**Work to complete:**
Please take the lines from the one holding "#101=IFCINDEXEDPOLYGONALFACE((9,13,14,10));" through the one holding "#111=IFCINDEXEDPOLYGONALFACE((29,33,34,30));" in the data below and copy them exactly.

START Dataset

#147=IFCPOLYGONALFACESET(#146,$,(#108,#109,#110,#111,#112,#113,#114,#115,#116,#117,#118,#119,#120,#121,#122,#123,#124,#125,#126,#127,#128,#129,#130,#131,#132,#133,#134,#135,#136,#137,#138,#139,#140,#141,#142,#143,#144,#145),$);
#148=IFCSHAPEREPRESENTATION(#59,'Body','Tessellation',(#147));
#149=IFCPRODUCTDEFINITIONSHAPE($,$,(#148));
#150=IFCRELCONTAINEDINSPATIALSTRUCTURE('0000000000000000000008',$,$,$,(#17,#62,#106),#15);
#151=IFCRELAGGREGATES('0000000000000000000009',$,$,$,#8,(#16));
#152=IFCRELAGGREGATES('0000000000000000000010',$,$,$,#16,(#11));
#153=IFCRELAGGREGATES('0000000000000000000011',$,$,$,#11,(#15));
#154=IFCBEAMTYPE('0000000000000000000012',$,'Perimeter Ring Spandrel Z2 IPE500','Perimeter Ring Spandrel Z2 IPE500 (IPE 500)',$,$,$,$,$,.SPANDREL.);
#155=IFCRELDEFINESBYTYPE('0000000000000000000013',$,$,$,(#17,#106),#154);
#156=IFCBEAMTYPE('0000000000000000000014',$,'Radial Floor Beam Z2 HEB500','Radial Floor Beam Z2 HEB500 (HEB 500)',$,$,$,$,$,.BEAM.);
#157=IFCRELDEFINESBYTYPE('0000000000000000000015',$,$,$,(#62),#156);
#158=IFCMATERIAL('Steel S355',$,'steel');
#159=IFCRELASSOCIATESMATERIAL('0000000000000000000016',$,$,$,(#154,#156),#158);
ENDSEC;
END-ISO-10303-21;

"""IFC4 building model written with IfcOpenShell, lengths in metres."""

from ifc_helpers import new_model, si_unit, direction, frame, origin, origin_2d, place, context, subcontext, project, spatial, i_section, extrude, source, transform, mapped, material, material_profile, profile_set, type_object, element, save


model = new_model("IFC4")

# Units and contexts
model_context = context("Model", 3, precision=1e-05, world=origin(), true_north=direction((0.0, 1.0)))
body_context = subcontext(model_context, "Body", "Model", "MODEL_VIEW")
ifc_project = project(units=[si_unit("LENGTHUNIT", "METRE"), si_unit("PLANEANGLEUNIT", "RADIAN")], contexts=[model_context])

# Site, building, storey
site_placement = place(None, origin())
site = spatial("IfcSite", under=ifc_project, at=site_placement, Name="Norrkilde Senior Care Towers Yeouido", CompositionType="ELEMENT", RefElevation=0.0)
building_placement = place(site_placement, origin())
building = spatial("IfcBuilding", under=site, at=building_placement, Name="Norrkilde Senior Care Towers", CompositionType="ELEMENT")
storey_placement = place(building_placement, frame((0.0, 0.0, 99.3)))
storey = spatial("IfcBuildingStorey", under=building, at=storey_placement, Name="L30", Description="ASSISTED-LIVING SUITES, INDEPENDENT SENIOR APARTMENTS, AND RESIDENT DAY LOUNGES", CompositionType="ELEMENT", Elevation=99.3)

END Dataset
START Dataset

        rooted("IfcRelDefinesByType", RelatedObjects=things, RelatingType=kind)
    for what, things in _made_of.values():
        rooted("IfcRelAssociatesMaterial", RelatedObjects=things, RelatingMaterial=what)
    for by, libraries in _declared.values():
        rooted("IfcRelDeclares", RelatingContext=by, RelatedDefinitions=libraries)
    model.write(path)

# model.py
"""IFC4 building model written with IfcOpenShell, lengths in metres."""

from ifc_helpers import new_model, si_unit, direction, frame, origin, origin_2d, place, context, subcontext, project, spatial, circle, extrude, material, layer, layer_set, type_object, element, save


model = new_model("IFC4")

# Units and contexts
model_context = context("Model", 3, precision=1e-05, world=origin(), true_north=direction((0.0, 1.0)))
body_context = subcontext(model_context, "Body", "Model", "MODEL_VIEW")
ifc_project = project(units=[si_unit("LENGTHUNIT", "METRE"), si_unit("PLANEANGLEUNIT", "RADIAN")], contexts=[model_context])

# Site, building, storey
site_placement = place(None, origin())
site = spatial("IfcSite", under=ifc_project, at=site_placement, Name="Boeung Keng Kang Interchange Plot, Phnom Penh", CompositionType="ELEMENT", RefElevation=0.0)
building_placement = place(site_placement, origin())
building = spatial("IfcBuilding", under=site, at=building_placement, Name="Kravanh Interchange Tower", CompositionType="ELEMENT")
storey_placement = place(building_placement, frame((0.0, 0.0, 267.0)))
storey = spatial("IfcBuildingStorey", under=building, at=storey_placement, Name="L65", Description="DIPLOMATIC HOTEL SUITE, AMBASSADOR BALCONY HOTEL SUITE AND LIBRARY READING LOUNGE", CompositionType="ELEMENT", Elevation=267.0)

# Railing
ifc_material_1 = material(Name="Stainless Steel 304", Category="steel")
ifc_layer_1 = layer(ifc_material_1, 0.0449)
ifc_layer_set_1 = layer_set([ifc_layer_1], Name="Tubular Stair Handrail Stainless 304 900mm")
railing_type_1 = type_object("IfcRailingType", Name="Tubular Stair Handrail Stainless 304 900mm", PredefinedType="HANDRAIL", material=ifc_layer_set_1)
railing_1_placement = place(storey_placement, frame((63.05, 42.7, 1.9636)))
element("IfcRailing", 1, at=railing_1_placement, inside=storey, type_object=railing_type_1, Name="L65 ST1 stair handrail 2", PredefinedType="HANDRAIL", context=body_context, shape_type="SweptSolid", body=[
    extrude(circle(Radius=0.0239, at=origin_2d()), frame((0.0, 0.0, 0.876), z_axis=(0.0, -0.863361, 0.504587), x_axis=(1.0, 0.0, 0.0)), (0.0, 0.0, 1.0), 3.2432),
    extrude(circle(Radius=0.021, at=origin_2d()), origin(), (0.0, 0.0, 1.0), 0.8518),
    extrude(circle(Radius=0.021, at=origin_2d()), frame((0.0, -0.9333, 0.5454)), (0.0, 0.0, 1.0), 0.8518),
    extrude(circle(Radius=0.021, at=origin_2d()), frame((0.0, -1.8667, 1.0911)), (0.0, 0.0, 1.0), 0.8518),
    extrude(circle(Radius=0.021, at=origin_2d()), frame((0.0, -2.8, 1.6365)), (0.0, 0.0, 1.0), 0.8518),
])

END Dataset
START Dataset

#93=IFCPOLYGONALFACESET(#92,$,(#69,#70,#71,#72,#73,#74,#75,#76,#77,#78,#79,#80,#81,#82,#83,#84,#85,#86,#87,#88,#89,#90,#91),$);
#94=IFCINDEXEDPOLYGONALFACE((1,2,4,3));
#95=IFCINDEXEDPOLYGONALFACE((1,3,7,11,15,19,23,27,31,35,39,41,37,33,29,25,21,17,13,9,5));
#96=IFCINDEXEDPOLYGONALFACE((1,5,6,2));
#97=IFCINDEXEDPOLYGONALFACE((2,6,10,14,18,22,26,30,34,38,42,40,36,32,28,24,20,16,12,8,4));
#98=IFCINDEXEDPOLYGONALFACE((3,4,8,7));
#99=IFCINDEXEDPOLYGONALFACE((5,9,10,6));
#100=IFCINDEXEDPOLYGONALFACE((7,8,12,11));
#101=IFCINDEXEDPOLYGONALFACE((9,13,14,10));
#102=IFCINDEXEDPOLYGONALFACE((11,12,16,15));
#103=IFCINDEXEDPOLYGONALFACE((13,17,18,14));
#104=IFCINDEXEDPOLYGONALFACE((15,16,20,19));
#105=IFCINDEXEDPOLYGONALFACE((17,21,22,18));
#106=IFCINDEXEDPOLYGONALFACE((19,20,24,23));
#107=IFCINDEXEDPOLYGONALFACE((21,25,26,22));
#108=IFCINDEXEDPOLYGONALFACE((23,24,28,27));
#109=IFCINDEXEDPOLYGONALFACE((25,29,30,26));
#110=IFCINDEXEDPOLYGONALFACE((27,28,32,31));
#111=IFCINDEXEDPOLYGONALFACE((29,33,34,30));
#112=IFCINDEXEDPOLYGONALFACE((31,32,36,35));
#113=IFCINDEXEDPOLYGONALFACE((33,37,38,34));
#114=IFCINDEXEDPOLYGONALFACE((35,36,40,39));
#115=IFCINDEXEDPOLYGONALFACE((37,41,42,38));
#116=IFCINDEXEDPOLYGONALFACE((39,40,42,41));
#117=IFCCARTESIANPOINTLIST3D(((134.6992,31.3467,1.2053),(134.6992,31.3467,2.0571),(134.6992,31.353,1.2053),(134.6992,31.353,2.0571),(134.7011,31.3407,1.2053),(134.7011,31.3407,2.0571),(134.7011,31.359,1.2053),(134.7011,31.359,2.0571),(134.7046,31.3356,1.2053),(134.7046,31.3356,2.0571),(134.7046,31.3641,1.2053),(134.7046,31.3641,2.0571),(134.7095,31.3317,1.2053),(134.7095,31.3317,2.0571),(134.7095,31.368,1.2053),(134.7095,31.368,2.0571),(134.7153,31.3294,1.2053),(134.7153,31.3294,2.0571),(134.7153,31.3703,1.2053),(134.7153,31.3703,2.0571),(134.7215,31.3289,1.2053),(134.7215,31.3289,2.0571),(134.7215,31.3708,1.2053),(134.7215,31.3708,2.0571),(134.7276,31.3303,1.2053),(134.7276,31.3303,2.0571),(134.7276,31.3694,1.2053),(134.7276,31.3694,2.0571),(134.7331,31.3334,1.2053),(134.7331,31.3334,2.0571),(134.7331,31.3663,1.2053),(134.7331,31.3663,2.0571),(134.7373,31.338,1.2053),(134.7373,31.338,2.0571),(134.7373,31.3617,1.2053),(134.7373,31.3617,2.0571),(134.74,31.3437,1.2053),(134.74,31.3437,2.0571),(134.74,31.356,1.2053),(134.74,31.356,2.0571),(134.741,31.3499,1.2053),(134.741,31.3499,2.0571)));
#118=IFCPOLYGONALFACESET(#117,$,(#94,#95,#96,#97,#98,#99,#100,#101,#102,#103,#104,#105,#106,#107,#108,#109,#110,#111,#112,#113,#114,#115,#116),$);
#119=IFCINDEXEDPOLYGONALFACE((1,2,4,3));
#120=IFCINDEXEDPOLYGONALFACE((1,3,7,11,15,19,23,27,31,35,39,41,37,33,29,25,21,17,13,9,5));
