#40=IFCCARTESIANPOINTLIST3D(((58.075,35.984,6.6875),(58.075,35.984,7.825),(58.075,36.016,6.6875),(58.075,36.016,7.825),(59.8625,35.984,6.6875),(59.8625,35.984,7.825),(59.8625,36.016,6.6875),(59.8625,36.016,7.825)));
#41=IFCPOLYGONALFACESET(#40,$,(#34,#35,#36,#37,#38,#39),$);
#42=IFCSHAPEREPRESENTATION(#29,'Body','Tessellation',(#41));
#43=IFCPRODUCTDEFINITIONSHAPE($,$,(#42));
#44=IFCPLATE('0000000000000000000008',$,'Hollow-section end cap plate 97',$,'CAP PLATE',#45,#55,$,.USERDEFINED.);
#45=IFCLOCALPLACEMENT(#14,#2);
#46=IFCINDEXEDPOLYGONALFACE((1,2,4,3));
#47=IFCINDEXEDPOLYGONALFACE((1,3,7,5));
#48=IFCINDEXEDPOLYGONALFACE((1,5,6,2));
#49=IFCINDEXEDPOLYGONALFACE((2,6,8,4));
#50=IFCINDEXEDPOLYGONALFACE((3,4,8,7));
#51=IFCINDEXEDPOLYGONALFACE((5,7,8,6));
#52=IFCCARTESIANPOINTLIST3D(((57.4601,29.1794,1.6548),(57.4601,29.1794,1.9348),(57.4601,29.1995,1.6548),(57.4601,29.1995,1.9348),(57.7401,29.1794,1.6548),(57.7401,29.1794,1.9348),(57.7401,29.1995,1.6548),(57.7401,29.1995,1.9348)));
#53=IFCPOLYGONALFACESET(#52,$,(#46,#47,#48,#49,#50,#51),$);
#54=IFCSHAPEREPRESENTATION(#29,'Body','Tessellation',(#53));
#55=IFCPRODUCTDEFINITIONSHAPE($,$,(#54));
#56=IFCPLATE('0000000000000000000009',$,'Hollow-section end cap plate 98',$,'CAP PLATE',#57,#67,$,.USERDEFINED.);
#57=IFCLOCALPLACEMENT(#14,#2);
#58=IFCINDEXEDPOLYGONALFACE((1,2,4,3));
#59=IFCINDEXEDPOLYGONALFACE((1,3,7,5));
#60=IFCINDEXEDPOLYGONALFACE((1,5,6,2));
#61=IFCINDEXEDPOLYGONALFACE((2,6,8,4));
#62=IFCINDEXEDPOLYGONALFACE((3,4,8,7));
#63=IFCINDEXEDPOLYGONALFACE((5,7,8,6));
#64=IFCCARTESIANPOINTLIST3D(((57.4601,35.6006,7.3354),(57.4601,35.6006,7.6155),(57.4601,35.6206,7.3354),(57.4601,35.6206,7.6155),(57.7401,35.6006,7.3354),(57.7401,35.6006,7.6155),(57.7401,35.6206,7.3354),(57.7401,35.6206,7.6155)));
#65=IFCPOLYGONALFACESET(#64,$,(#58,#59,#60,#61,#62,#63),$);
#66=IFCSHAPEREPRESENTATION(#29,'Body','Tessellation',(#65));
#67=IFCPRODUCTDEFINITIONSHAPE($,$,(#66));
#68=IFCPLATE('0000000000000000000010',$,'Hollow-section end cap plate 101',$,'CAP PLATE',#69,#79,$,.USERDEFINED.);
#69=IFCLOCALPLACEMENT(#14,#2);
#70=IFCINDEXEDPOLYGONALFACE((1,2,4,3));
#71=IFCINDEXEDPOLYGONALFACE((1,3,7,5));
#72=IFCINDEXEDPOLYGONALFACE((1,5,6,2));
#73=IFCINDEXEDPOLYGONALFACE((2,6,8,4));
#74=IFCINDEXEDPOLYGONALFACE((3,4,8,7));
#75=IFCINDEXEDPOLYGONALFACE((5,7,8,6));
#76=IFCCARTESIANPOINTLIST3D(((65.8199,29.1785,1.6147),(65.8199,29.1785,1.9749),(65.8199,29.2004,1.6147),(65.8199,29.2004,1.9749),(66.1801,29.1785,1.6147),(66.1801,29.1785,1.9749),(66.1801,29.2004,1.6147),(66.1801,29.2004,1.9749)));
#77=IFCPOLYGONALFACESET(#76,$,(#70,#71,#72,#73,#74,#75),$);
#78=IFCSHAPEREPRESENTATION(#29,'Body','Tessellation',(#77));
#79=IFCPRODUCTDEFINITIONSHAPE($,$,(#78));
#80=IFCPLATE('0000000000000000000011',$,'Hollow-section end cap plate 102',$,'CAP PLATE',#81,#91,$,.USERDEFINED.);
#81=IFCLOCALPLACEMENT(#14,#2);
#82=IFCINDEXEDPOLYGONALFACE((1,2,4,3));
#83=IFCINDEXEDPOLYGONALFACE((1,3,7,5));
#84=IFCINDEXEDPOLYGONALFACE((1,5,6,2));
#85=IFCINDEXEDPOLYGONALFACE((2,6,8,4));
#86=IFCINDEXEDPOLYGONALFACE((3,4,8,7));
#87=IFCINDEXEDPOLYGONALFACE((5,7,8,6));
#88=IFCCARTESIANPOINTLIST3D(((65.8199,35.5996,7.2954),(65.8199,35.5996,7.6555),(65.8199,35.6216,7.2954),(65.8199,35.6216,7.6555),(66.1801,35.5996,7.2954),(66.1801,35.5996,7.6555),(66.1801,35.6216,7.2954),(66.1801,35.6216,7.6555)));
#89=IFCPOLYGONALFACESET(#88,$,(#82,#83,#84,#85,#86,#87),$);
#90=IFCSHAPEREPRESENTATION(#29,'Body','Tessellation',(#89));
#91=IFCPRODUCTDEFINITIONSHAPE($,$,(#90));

END Dataset

**Exercise response:**
#101=IFCINDEXEDPOLYGONALFACE((9,13,14,10));
#102=IFCINDEXEDPOLYGONALFACE((11,12,16,15));
#103=IFCINDEXEDPOLYGONALFACE((13,17,18,14));
#104=IFCINDEXEDPOLYGONALFACE((15,16,20,19));
#105=IFCINDEXEDPOLYGONALFACE((17,21,22,18));
#106=IFCINDEXEDPOLYGONALFACE((19,20,24,23));
#107=IFCINDEXEDPOLYGONALFACE((21,25,26,22));
#108=IFCINDEXEDPOLYGONALFACE((23,24,28,27));
#109=IFCINDEXEDPOLYGONALFACE((25,29,30,26));
#110=IFCINDEXEDPOLYGONALFACE((27,28,32,31));
#111=IFCINDEXEDPOLYGONALFACE((29,33,34,30));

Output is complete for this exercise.